● THE DATA
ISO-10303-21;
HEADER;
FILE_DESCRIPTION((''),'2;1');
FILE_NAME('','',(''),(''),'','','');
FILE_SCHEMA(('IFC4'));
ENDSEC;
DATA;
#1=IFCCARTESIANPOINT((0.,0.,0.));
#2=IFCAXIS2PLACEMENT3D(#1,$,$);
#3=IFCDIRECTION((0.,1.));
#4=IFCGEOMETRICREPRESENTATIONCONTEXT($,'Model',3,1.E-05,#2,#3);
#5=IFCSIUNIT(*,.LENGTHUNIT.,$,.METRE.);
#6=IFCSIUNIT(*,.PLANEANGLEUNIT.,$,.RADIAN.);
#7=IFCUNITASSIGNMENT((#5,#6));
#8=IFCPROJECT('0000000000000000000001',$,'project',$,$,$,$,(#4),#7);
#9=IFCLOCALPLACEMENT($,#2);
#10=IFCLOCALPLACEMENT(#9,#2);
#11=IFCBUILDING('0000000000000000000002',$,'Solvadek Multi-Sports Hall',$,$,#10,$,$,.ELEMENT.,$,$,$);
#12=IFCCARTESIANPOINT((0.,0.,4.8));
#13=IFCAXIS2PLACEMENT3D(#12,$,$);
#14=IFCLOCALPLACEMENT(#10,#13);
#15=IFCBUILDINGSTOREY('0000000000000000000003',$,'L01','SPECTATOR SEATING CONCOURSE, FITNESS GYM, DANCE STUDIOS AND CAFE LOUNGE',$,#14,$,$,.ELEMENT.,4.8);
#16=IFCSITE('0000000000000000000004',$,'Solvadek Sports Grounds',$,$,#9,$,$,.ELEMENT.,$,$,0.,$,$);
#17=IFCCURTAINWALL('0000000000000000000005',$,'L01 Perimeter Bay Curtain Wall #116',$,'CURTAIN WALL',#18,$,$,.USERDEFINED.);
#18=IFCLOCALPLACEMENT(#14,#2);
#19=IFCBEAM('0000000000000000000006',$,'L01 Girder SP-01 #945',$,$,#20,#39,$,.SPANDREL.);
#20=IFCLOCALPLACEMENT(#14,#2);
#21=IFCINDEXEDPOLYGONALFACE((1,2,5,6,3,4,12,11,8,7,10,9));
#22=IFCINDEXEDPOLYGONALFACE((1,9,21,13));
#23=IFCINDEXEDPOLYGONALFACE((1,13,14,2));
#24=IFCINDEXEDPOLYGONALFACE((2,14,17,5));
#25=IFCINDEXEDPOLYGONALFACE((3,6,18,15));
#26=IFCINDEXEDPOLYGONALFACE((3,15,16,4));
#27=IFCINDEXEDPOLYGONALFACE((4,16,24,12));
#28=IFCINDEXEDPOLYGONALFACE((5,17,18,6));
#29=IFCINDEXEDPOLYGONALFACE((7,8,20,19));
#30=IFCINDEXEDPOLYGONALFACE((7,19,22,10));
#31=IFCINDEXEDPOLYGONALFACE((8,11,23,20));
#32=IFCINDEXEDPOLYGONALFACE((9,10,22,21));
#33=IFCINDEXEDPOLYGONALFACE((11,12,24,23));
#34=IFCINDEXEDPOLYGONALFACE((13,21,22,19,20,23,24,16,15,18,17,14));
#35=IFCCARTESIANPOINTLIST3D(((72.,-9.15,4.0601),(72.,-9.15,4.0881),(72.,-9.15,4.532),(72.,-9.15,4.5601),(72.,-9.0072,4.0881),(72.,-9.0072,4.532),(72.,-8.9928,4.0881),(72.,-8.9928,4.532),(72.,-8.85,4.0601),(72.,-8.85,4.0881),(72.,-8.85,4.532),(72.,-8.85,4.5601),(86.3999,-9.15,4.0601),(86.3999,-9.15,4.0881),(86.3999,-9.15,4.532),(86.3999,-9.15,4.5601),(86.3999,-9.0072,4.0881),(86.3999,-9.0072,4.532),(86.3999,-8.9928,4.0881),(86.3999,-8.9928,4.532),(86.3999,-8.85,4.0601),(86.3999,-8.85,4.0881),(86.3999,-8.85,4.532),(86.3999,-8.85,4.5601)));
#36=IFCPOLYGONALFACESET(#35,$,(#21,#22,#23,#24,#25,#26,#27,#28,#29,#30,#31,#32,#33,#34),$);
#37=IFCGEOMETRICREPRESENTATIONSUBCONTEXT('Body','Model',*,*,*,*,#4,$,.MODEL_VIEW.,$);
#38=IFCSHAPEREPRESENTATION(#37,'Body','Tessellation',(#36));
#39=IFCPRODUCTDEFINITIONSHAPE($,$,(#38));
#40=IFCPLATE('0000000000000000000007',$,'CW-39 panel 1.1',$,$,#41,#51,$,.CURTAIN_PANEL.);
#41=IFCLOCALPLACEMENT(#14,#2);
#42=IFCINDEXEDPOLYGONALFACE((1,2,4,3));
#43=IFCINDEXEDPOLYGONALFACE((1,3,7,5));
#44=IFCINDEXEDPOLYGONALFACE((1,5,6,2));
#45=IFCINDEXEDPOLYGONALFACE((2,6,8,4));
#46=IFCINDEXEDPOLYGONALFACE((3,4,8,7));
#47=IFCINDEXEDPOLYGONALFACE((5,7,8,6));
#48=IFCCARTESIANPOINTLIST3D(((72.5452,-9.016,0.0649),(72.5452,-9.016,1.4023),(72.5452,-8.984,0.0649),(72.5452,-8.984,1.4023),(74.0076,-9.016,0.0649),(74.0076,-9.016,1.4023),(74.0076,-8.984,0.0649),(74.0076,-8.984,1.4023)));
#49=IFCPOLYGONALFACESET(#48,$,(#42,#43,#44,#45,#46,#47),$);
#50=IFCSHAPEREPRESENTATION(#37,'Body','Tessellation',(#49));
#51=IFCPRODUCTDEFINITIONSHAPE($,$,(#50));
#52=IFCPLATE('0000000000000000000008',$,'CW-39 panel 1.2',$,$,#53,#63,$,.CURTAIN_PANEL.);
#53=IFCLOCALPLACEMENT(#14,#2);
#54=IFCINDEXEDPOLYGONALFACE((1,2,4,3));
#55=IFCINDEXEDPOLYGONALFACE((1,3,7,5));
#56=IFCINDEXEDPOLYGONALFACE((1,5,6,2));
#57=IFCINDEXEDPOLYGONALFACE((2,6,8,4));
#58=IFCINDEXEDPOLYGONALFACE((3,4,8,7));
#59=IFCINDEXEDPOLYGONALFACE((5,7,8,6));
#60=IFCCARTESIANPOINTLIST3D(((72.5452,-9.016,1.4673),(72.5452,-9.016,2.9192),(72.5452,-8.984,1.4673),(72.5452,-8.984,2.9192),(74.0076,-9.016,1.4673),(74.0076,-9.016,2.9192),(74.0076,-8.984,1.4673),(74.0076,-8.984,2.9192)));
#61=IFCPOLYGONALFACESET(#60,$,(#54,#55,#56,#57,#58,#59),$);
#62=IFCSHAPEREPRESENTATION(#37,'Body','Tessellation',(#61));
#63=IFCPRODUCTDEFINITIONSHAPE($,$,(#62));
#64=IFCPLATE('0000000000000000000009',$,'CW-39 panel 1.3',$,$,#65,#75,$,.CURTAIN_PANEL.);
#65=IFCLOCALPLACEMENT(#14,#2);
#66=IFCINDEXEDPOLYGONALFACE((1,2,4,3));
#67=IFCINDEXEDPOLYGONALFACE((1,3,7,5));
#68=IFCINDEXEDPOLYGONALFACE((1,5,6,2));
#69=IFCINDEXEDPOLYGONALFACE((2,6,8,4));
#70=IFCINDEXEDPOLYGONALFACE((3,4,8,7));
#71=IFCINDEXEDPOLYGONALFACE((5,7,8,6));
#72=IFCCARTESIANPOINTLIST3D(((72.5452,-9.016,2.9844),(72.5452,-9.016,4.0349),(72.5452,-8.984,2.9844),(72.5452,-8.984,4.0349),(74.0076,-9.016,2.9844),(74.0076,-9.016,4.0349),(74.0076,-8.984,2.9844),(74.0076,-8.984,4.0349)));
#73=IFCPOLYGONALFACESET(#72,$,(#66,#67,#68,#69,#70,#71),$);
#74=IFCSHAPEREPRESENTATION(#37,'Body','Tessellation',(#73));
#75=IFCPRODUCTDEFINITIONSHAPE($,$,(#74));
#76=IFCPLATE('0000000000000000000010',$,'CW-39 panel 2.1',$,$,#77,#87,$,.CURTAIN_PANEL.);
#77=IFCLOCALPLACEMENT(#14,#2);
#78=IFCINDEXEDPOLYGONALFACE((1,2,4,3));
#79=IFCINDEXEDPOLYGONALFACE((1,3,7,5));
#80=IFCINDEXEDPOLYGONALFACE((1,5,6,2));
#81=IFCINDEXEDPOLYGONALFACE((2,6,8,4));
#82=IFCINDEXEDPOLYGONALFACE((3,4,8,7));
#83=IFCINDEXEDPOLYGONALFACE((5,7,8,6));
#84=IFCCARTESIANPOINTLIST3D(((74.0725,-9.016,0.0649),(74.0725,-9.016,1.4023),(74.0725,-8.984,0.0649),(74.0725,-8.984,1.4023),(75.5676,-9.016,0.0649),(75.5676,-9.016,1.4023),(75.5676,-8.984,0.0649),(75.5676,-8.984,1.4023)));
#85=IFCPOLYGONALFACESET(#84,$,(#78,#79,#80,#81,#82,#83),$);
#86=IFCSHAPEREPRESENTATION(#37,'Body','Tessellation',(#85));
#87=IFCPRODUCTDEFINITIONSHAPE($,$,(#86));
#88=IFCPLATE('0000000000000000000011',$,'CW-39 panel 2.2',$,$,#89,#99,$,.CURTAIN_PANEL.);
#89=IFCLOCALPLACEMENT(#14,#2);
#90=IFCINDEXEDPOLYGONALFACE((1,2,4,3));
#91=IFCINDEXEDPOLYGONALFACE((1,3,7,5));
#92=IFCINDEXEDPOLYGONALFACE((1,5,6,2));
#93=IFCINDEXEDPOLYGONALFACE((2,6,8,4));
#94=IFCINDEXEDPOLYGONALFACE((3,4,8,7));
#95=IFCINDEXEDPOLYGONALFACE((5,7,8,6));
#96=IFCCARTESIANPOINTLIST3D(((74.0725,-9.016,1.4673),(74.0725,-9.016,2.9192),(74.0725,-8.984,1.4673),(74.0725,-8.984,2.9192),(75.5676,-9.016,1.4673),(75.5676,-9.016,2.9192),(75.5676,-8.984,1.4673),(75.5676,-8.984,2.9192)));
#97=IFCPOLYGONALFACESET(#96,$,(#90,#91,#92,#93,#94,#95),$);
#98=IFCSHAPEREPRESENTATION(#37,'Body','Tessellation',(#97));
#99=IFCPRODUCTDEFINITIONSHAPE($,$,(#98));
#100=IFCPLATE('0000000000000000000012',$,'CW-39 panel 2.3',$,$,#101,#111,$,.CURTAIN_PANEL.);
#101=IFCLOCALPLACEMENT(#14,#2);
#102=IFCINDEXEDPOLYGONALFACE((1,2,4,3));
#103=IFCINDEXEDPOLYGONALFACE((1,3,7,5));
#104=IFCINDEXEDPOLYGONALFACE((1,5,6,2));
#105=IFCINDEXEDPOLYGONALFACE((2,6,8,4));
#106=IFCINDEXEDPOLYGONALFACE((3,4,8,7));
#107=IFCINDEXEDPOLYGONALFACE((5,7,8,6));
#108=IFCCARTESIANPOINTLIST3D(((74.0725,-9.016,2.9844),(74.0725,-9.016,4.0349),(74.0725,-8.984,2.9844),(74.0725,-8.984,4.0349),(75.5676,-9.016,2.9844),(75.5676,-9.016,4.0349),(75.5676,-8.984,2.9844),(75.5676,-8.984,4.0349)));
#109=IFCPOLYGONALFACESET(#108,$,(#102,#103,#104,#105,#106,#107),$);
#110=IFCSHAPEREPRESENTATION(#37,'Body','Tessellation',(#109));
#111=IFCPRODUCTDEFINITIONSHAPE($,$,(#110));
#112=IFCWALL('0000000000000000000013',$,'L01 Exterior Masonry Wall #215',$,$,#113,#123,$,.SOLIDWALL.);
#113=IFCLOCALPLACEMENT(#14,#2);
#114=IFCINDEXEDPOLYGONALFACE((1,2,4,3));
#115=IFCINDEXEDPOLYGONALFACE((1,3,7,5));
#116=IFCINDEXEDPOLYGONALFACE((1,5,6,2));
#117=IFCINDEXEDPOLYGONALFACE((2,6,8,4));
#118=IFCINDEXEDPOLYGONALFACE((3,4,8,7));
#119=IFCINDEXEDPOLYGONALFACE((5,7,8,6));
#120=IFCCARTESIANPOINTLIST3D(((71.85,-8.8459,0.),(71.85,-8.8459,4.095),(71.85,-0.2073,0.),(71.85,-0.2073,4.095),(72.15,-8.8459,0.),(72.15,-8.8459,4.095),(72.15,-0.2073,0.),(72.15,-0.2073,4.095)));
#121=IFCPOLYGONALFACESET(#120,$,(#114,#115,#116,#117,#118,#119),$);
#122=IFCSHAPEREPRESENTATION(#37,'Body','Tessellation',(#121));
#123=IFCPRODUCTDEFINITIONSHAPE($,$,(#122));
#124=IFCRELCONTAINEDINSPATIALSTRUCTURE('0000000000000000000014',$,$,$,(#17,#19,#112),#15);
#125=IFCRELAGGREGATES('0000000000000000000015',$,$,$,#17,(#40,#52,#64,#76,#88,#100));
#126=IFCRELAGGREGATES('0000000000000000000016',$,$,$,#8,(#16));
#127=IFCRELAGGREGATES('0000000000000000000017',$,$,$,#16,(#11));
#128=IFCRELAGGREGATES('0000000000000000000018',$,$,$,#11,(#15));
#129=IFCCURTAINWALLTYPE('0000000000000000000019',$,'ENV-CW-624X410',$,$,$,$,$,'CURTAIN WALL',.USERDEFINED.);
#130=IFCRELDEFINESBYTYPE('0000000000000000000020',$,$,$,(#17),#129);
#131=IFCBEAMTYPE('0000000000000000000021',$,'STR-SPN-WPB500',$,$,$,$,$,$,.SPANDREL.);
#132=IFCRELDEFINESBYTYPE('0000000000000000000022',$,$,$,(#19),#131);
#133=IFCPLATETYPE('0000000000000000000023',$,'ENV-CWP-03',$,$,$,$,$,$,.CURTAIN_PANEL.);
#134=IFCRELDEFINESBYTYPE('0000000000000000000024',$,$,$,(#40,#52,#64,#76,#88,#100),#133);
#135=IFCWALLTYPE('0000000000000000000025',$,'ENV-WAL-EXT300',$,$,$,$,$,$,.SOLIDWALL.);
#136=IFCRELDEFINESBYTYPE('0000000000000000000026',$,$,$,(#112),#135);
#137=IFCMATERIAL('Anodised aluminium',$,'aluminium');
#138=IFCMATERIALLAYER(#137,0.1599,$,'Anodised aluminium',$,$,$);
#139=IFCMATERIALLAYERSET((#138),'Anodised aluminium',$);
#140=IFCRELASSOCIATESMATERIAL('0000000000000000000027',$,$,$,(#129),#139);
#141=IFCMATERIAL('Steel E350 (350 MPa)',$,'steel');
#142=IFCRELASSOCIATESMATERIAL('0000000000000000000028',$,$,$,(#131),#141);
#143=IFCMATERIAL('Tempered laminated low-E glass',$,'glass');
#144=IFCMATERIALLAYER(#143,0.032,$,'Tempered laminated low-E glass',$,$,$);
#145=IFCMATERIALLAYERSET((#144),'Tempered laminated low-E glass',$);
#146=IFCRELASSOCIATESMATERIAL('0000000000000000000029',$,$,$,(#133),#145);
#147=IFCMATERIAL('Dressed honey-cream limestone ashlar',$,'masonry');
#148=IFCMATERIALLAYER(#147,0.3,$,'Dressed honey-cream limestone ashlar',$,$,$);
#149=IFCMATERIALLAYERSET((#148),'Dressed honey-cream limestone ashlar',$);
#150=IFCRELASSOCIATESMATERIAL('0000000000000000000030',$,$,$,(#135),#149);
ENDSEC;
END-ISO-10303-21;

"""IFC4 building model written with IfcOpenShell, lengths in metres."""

from ifc_helpers import new_model, si_unit, direction, frame, frame_2d, origin, origin_2d, place, context, subcontext, project, spatial, rectangle, i_section, extrude, material, layer, layer_set, material_profile, profile_set, type_object, element, aggregate, save


model = new_model("IFC4")

# Units and contexts
model_context = context("Model", 3, precision=1e-05, world=origin(), true_north=direction((0.0, 1.0)))
body_context = subcontext(model_context, "Body", "Model", "MODEL_VIEW")
ifc_project = project(units=[si_unit("LENGTHUNIT", "METRE"), si_unit("PLANEANGLEUNIT", "RADIAN")], contexts=[model_context])

# Site, building, storey
site_placement = place(None, origin())
site = spatial("IfcSite", under=ifc_project, at=site_placement, Name="Solvadek Sports Grounds", CompositionType="ELEMENT", RefElevation=0.0)
building_placement = place(site_placement, origin())
building = spatial("IfcBuilding", under=site, at=building_placement, Name="Solvadek Multi-Sports Hall", CompositionType="ELEMENT")
storey_placement = place(building_placement, frame((0.0, 0.0, 4.8)))
storey = spatial("IfcBuildingStorey", under=building, at=storey_placement, Name="L01", Description="SPECTATOR SEATING CONCOURSE, FITNESS GYM, DANCE STUDIOS AND CAFE LOUNGE", CompositionType="ELEMENT", Elevation=4.8)

# Shared definitions
ifc_material_1 = material(Name="Steel E350 (350 MPa)", Category="steel")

● ASSIGNMENT
Extract the first line above and each line after it up to and including the one with "#4=IFCGEOMETRICREPRESENTATIONCONTEXT($,'Model',3,1.E-05,#2,#3);", please, exactly and with nothing else.

● RESULT FOR THIS TASK
ISO-10303-21;
HEADER;
FILE_DESCRIPTION((''),'2;1');
FILE_NAME('','',(''),(''),'','','');
FILE_SCHEMA(('IFC4'));
ENDSEC;
DATA;
#1=IFCCARTESIANPOINT((0.,0.,0.));
#2=IFCAXIS2PLACEMENT3D(#1,$,$);
#3=IFCDIRECTION((0.,1.));
#4=IFCGEOMETRICREPRESENTATIONCONTEXT($,'Model',3,1.E-05,#2,#3);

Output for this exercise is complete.